**PROBLEM TO WORK ON:** Work out how many lines in the records include the word "backer", then answer with nothing but that number.

= Beginning of Section =

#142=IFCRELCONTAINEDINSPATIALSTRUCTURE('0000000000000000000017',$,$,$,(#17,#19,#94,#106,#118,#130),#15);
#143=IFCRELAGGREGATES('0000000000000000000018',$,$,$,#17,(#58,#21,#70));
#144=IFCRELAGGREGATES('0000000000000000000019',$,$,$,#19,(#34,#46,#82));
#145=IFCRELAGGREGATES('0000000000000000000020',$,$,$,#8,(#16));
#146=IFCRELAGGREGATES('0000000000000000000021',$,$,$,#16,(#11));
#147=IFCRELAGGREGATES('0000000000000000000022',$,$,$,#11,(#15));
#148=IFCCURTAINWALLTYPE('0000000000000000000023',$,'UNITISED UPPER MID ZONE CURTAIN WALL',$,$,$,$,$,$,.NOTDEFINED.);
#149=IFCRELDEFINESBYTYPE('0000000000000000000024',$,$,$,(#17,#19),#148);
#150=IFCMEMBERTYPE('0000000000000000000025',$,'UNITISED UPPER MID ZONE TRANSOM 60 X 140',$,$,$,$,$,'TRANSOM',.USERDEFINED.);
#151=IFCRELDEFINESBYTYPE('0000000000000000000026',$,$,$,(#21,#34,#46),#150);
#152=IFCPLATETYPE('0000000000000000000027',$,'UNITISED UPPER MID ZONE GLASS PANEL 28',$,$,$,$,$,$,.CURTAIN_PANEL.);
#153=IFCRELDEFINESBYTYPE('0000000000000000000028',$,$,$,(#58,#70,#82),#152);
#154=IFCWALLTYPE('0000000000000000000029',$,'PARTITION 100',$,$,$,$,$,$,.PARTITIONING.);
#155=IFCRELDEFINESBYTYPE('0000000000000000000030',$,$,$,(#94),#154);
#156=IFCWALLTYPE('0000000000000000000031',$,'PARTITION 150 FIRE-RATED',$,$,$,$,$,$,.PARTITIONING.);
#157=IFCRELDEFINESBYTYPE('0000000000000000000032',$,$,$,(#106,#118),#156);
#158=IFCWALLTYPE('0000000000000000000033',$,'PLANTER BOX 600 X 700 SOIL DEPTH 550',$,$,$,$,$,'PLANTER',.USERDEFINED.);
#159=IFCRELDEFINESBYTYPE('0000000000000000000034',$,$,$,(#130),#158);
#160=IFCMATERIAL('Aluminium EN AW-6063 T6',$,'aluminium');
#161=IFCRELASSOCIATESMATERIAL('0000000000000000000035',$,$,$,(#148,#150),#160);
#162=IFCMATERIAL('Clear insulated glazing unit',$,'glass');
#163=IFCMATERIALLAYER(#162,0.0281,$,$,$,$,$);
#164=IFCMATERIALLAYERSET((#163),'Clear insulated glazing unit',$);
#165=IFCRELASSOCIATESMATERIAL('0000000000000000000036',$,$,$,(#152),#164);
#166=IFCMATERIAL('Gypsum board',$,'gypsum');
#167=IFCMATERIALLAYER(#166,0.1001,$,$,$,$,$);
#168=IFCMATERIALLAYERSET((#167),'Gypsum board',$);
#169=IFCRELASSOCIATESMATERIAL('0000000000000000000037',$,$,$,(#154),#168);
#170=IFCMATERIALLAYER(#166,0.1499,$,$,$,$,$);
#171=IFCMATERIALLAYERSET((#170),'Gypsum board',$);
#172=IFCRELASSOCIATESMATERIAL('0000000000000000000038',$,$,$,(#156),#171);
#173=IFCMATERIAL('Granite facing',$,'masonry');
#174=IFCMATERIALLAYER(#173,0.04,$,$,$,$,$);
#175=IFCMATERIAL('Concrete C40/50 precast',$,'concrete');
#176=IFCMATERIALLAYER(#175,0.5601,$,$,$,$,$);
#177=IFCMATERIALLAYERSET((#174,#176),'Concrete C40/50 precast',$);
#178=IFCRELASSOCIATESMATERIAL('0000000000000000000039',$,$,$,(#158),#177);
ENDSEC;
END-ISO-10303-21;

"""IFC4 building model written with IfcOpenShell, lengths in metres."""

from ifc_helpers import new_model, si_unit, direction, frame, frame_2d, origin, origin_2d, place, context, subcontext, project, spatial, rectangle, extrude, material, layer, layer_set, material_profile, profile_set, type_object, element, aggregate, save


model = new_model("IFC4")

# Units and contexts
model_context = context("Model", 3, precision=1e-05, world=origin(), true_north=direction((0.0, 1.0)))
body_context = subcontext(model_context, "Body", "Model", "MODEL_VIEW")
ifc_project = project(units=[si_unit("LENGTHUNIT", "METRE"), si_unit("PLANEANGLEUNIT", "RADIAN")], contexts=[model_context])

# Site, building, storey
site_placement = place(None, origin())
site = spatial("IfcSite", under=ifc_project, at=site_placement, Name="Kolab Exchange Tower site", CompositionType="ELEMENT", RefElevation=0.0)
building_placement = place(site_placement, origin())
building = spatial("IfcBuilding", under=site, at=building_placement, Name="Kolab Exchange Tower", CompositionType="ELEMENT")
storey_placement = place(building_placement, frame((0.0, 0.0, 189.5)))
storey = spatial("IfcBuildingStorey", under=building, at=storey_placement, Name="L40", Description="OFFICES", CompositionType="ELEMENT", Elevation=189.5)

= End of Section =
= Beginning of Section =

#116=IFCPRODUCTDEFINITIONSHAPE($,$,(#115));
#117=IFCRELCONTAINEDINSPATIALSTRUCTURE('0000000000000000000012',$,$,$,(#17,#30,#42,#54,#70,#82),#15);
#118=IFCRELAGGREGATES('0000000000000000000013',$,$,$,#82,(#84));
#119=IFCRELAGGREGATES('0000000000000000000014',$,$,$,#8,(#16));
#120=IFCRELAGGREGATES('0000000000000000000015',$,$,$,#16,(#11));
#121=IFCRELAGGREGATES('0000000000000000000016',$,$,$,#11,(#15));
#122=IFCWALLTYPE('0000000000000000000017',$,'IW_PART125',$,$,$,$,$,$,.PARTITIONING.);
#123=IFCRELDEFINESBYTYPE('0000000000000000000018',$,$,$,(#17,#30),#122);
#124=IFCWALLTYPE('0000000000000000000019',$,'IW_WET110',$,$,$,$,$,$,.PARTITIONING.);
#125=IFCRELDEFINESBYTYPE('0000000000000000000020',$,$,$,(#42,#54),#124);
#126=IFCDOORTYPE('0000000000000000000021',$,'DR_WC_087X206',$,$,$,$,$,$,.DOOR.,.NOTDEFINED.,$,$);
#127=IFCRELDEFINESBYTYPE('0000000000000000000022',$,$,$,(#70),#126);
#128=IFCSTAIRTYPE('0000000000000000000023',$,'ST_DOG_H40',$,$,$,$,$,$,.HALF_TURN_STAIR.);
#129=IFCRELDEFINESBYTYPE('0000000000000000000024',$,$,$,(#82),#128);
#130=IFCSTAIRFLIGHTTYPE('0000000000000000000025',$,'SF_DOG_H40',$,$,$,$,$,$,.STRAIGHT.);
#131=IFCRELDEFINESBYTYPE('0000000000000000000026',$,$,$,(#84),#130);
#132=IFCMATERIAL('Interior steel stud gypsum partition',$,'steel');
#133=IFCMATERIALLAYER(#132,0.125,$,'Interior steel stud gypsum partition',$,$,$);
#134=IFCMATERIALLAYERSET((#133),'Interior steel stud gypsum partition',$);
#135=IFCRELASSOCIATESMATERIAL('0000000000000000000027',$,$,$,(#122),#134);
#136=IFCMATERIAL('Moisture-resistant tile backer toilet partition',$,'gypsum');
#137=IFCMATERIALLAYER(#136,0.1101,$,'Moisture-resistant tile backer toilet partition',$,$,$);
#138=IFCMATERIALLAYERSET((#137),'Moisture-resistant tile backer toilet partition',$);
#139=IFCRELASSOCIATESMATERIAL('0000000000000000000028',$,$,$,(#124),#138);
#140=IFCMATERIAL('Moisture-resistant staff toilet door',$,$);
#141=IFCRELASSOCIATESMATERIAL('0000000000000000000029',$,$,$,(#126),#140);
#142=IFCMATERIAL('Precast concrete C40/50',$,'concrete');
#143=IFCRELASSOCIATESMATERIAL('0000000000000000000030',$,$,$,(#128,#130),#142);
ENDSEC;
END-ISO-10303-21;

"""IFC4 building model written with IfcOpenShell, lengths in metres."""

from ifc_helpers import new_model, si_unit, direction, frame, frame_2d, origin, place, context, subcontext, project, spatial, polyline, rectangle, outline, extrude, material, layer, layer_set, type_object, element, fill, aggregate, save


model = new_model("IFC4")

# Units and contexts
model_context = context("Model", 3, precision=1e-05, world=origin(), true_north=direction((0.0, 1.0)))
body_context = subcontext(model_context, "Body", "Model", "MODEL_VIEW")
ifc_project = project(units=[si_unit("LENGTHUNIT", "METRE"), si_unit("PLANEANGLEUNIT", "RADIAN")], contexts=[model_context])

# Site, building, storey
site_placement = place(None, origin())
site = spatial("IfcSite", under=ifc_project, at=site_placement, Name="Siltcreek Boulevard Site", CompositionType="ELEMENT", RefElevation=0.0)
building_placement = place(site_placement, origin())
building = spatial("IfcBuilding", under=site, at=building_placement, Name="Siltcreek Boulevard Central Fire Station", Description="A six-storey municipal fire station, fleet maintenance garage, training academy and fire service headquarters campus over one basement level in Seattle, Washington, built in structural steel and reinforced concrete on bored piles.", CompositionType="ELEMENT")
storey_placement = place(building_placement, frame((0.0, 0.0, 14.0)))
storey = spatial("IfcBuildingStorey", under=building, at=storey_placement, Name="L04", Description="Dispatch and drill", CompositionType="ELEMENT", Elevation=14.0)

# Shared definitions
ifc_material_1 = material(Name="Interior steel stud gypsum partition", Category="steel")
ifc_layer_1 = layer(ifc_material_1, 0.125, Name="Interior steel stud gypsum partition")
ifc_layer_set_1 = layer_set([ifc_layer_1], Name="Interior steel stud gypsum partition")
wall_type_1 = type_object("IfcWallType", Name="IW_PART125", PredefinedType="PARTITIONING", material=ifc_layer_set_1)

= End of Section =
= Beginning of Section =

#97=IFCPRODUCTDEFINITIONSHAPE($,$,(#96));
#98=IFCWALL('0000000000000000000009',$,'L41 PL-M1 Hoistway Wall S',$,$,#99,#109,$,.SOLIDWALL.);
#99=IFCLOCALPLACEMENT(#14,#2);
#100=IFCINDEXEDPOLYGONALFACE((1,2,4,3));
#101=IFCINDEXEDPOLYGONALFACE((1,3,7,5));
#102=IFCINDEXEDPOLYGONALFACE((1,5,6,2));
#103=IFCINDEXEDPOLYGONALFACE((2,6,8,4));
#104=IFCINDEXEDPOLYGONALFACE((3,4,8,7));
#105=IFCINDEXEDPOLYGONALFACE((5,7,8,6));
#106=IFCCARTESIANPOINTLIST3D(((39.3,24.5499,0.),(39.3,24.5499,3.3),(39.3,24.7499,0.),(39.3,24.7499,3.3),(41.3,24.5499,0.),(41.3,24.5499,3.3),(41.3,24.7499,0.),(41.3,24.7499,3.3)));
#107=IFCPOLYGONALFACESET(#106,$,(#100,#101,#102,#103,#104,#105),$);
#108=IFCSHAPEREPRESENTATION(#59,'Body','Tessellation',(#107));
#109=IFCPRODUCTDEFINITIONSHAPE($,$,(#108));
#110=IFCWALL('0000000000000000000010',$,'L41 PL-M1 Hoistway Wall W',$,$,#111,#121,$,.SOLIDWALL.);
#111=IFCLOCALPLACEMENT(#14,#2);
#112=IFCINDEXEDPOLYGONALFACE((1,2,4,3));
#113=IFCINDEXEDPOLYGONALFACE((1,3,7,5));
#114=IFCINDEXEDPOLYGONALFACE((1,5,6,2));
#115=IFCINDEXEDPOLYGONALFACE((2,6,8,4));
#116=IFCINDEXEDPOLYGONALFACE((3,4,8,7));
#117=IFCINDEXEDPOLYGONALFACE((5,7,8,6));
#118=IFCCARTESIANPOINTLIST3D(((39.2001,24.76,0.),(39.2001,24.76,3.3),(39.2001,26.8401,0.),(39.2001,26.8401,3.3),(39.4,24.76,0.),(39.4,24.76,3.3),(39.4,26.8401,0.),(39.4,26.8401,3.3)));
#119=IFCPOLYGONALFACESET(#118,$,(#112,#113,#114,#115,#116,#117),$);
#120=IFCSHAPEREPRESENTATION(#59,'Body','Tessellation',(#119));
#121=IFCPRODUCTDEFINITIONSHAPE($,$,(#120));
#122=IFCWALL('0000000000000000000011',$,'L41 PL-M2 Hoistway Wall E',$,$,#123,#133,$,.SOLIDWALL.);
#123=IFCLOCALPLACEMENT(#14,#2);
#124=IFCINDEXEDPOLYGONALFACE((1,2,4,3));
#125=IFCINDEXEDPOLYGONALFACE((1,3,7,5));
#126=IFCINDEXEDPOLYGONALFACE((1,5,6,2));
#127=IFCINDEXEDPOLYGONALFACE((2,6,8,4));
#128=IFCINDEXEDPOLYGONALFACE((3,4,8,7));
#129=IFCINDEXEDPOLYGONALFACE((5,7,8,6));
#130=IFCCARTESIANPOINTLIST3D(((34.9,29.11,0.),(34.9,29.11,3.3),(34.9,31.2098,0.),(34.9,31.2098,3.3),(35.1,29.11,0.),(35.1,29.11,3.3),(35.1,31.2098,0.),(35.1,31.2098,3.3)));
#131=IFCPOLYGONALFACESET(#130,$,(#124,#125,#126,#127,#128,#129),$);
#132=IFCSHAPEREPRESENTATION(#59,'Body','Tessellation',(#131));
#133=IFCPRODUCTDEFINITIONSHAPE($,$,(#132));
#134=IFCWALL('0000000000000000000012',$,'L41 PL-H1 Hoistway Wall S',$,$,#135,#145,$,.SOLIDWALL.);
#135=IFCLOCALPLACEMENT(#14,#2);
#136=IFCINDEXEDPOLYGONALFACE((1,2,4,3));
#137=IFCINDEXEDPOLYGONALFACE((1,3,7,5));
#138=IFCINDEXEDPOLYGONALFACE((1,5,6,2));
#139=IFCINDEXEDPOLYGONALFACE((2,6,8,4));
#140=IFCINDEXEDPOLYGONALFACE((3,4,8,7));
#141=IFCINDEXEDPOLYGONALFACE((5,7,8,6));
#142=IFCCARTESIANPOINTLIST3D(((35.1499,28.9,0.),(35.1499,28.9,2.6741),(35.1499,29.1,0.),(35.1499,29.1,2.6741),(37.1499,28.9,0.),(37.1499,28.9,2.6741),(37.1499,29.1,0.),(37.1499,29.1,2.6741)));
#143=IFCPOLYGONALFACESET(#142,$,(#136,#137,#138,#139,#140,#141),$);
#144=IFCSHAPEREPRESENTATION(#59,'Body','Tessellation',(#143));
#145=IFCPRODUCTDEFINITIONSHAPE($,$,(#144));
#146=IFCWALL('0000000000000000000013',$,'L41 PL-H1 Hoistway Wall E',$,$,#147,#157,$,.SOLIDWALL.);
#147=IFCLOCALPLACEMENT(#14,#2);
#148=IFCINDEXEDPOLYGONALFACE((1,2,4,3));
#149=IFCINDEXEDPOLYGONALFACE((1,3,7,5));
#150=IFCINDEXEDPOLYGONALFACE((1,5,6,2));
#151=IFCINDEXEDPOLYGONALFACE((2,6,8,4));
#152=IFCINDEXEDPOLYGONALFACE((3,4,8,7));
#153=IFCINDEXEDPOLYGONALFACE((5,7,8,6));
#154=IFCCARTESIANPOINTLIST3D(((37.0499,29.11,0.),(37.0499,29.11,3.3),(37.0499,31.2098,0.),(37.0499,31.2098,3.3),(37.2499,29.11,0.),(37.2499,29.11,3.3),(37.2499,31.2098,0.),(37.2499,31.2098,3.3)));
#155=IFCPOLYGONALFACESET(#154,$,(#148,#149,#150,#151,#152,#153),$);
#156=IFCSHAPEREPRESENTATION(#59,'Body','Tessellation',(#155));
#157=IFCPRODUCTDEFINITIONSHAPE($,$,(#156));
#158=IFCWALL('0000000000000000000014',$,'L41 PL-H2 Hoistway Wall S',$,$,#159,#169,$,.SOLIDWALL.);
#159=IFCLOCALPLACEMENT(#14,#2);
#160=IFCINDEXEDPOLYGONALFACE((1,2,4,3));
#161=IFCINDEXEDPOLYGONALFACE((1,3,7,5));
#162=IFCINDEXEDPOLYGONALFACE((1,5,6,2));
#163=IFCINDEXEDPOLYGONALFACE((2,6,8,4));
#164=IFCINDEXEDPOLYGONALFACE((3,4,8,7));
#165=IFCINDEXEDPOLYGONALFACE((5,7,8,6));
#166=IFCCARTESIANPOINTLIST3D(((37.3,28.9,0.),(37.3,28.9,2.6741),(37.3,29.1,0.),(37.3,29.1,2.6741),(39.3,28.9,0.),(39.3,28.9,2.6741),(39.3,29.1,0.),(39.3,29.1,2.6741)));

= End of Section =

**RESULT OF THIS EXERCISE:** 3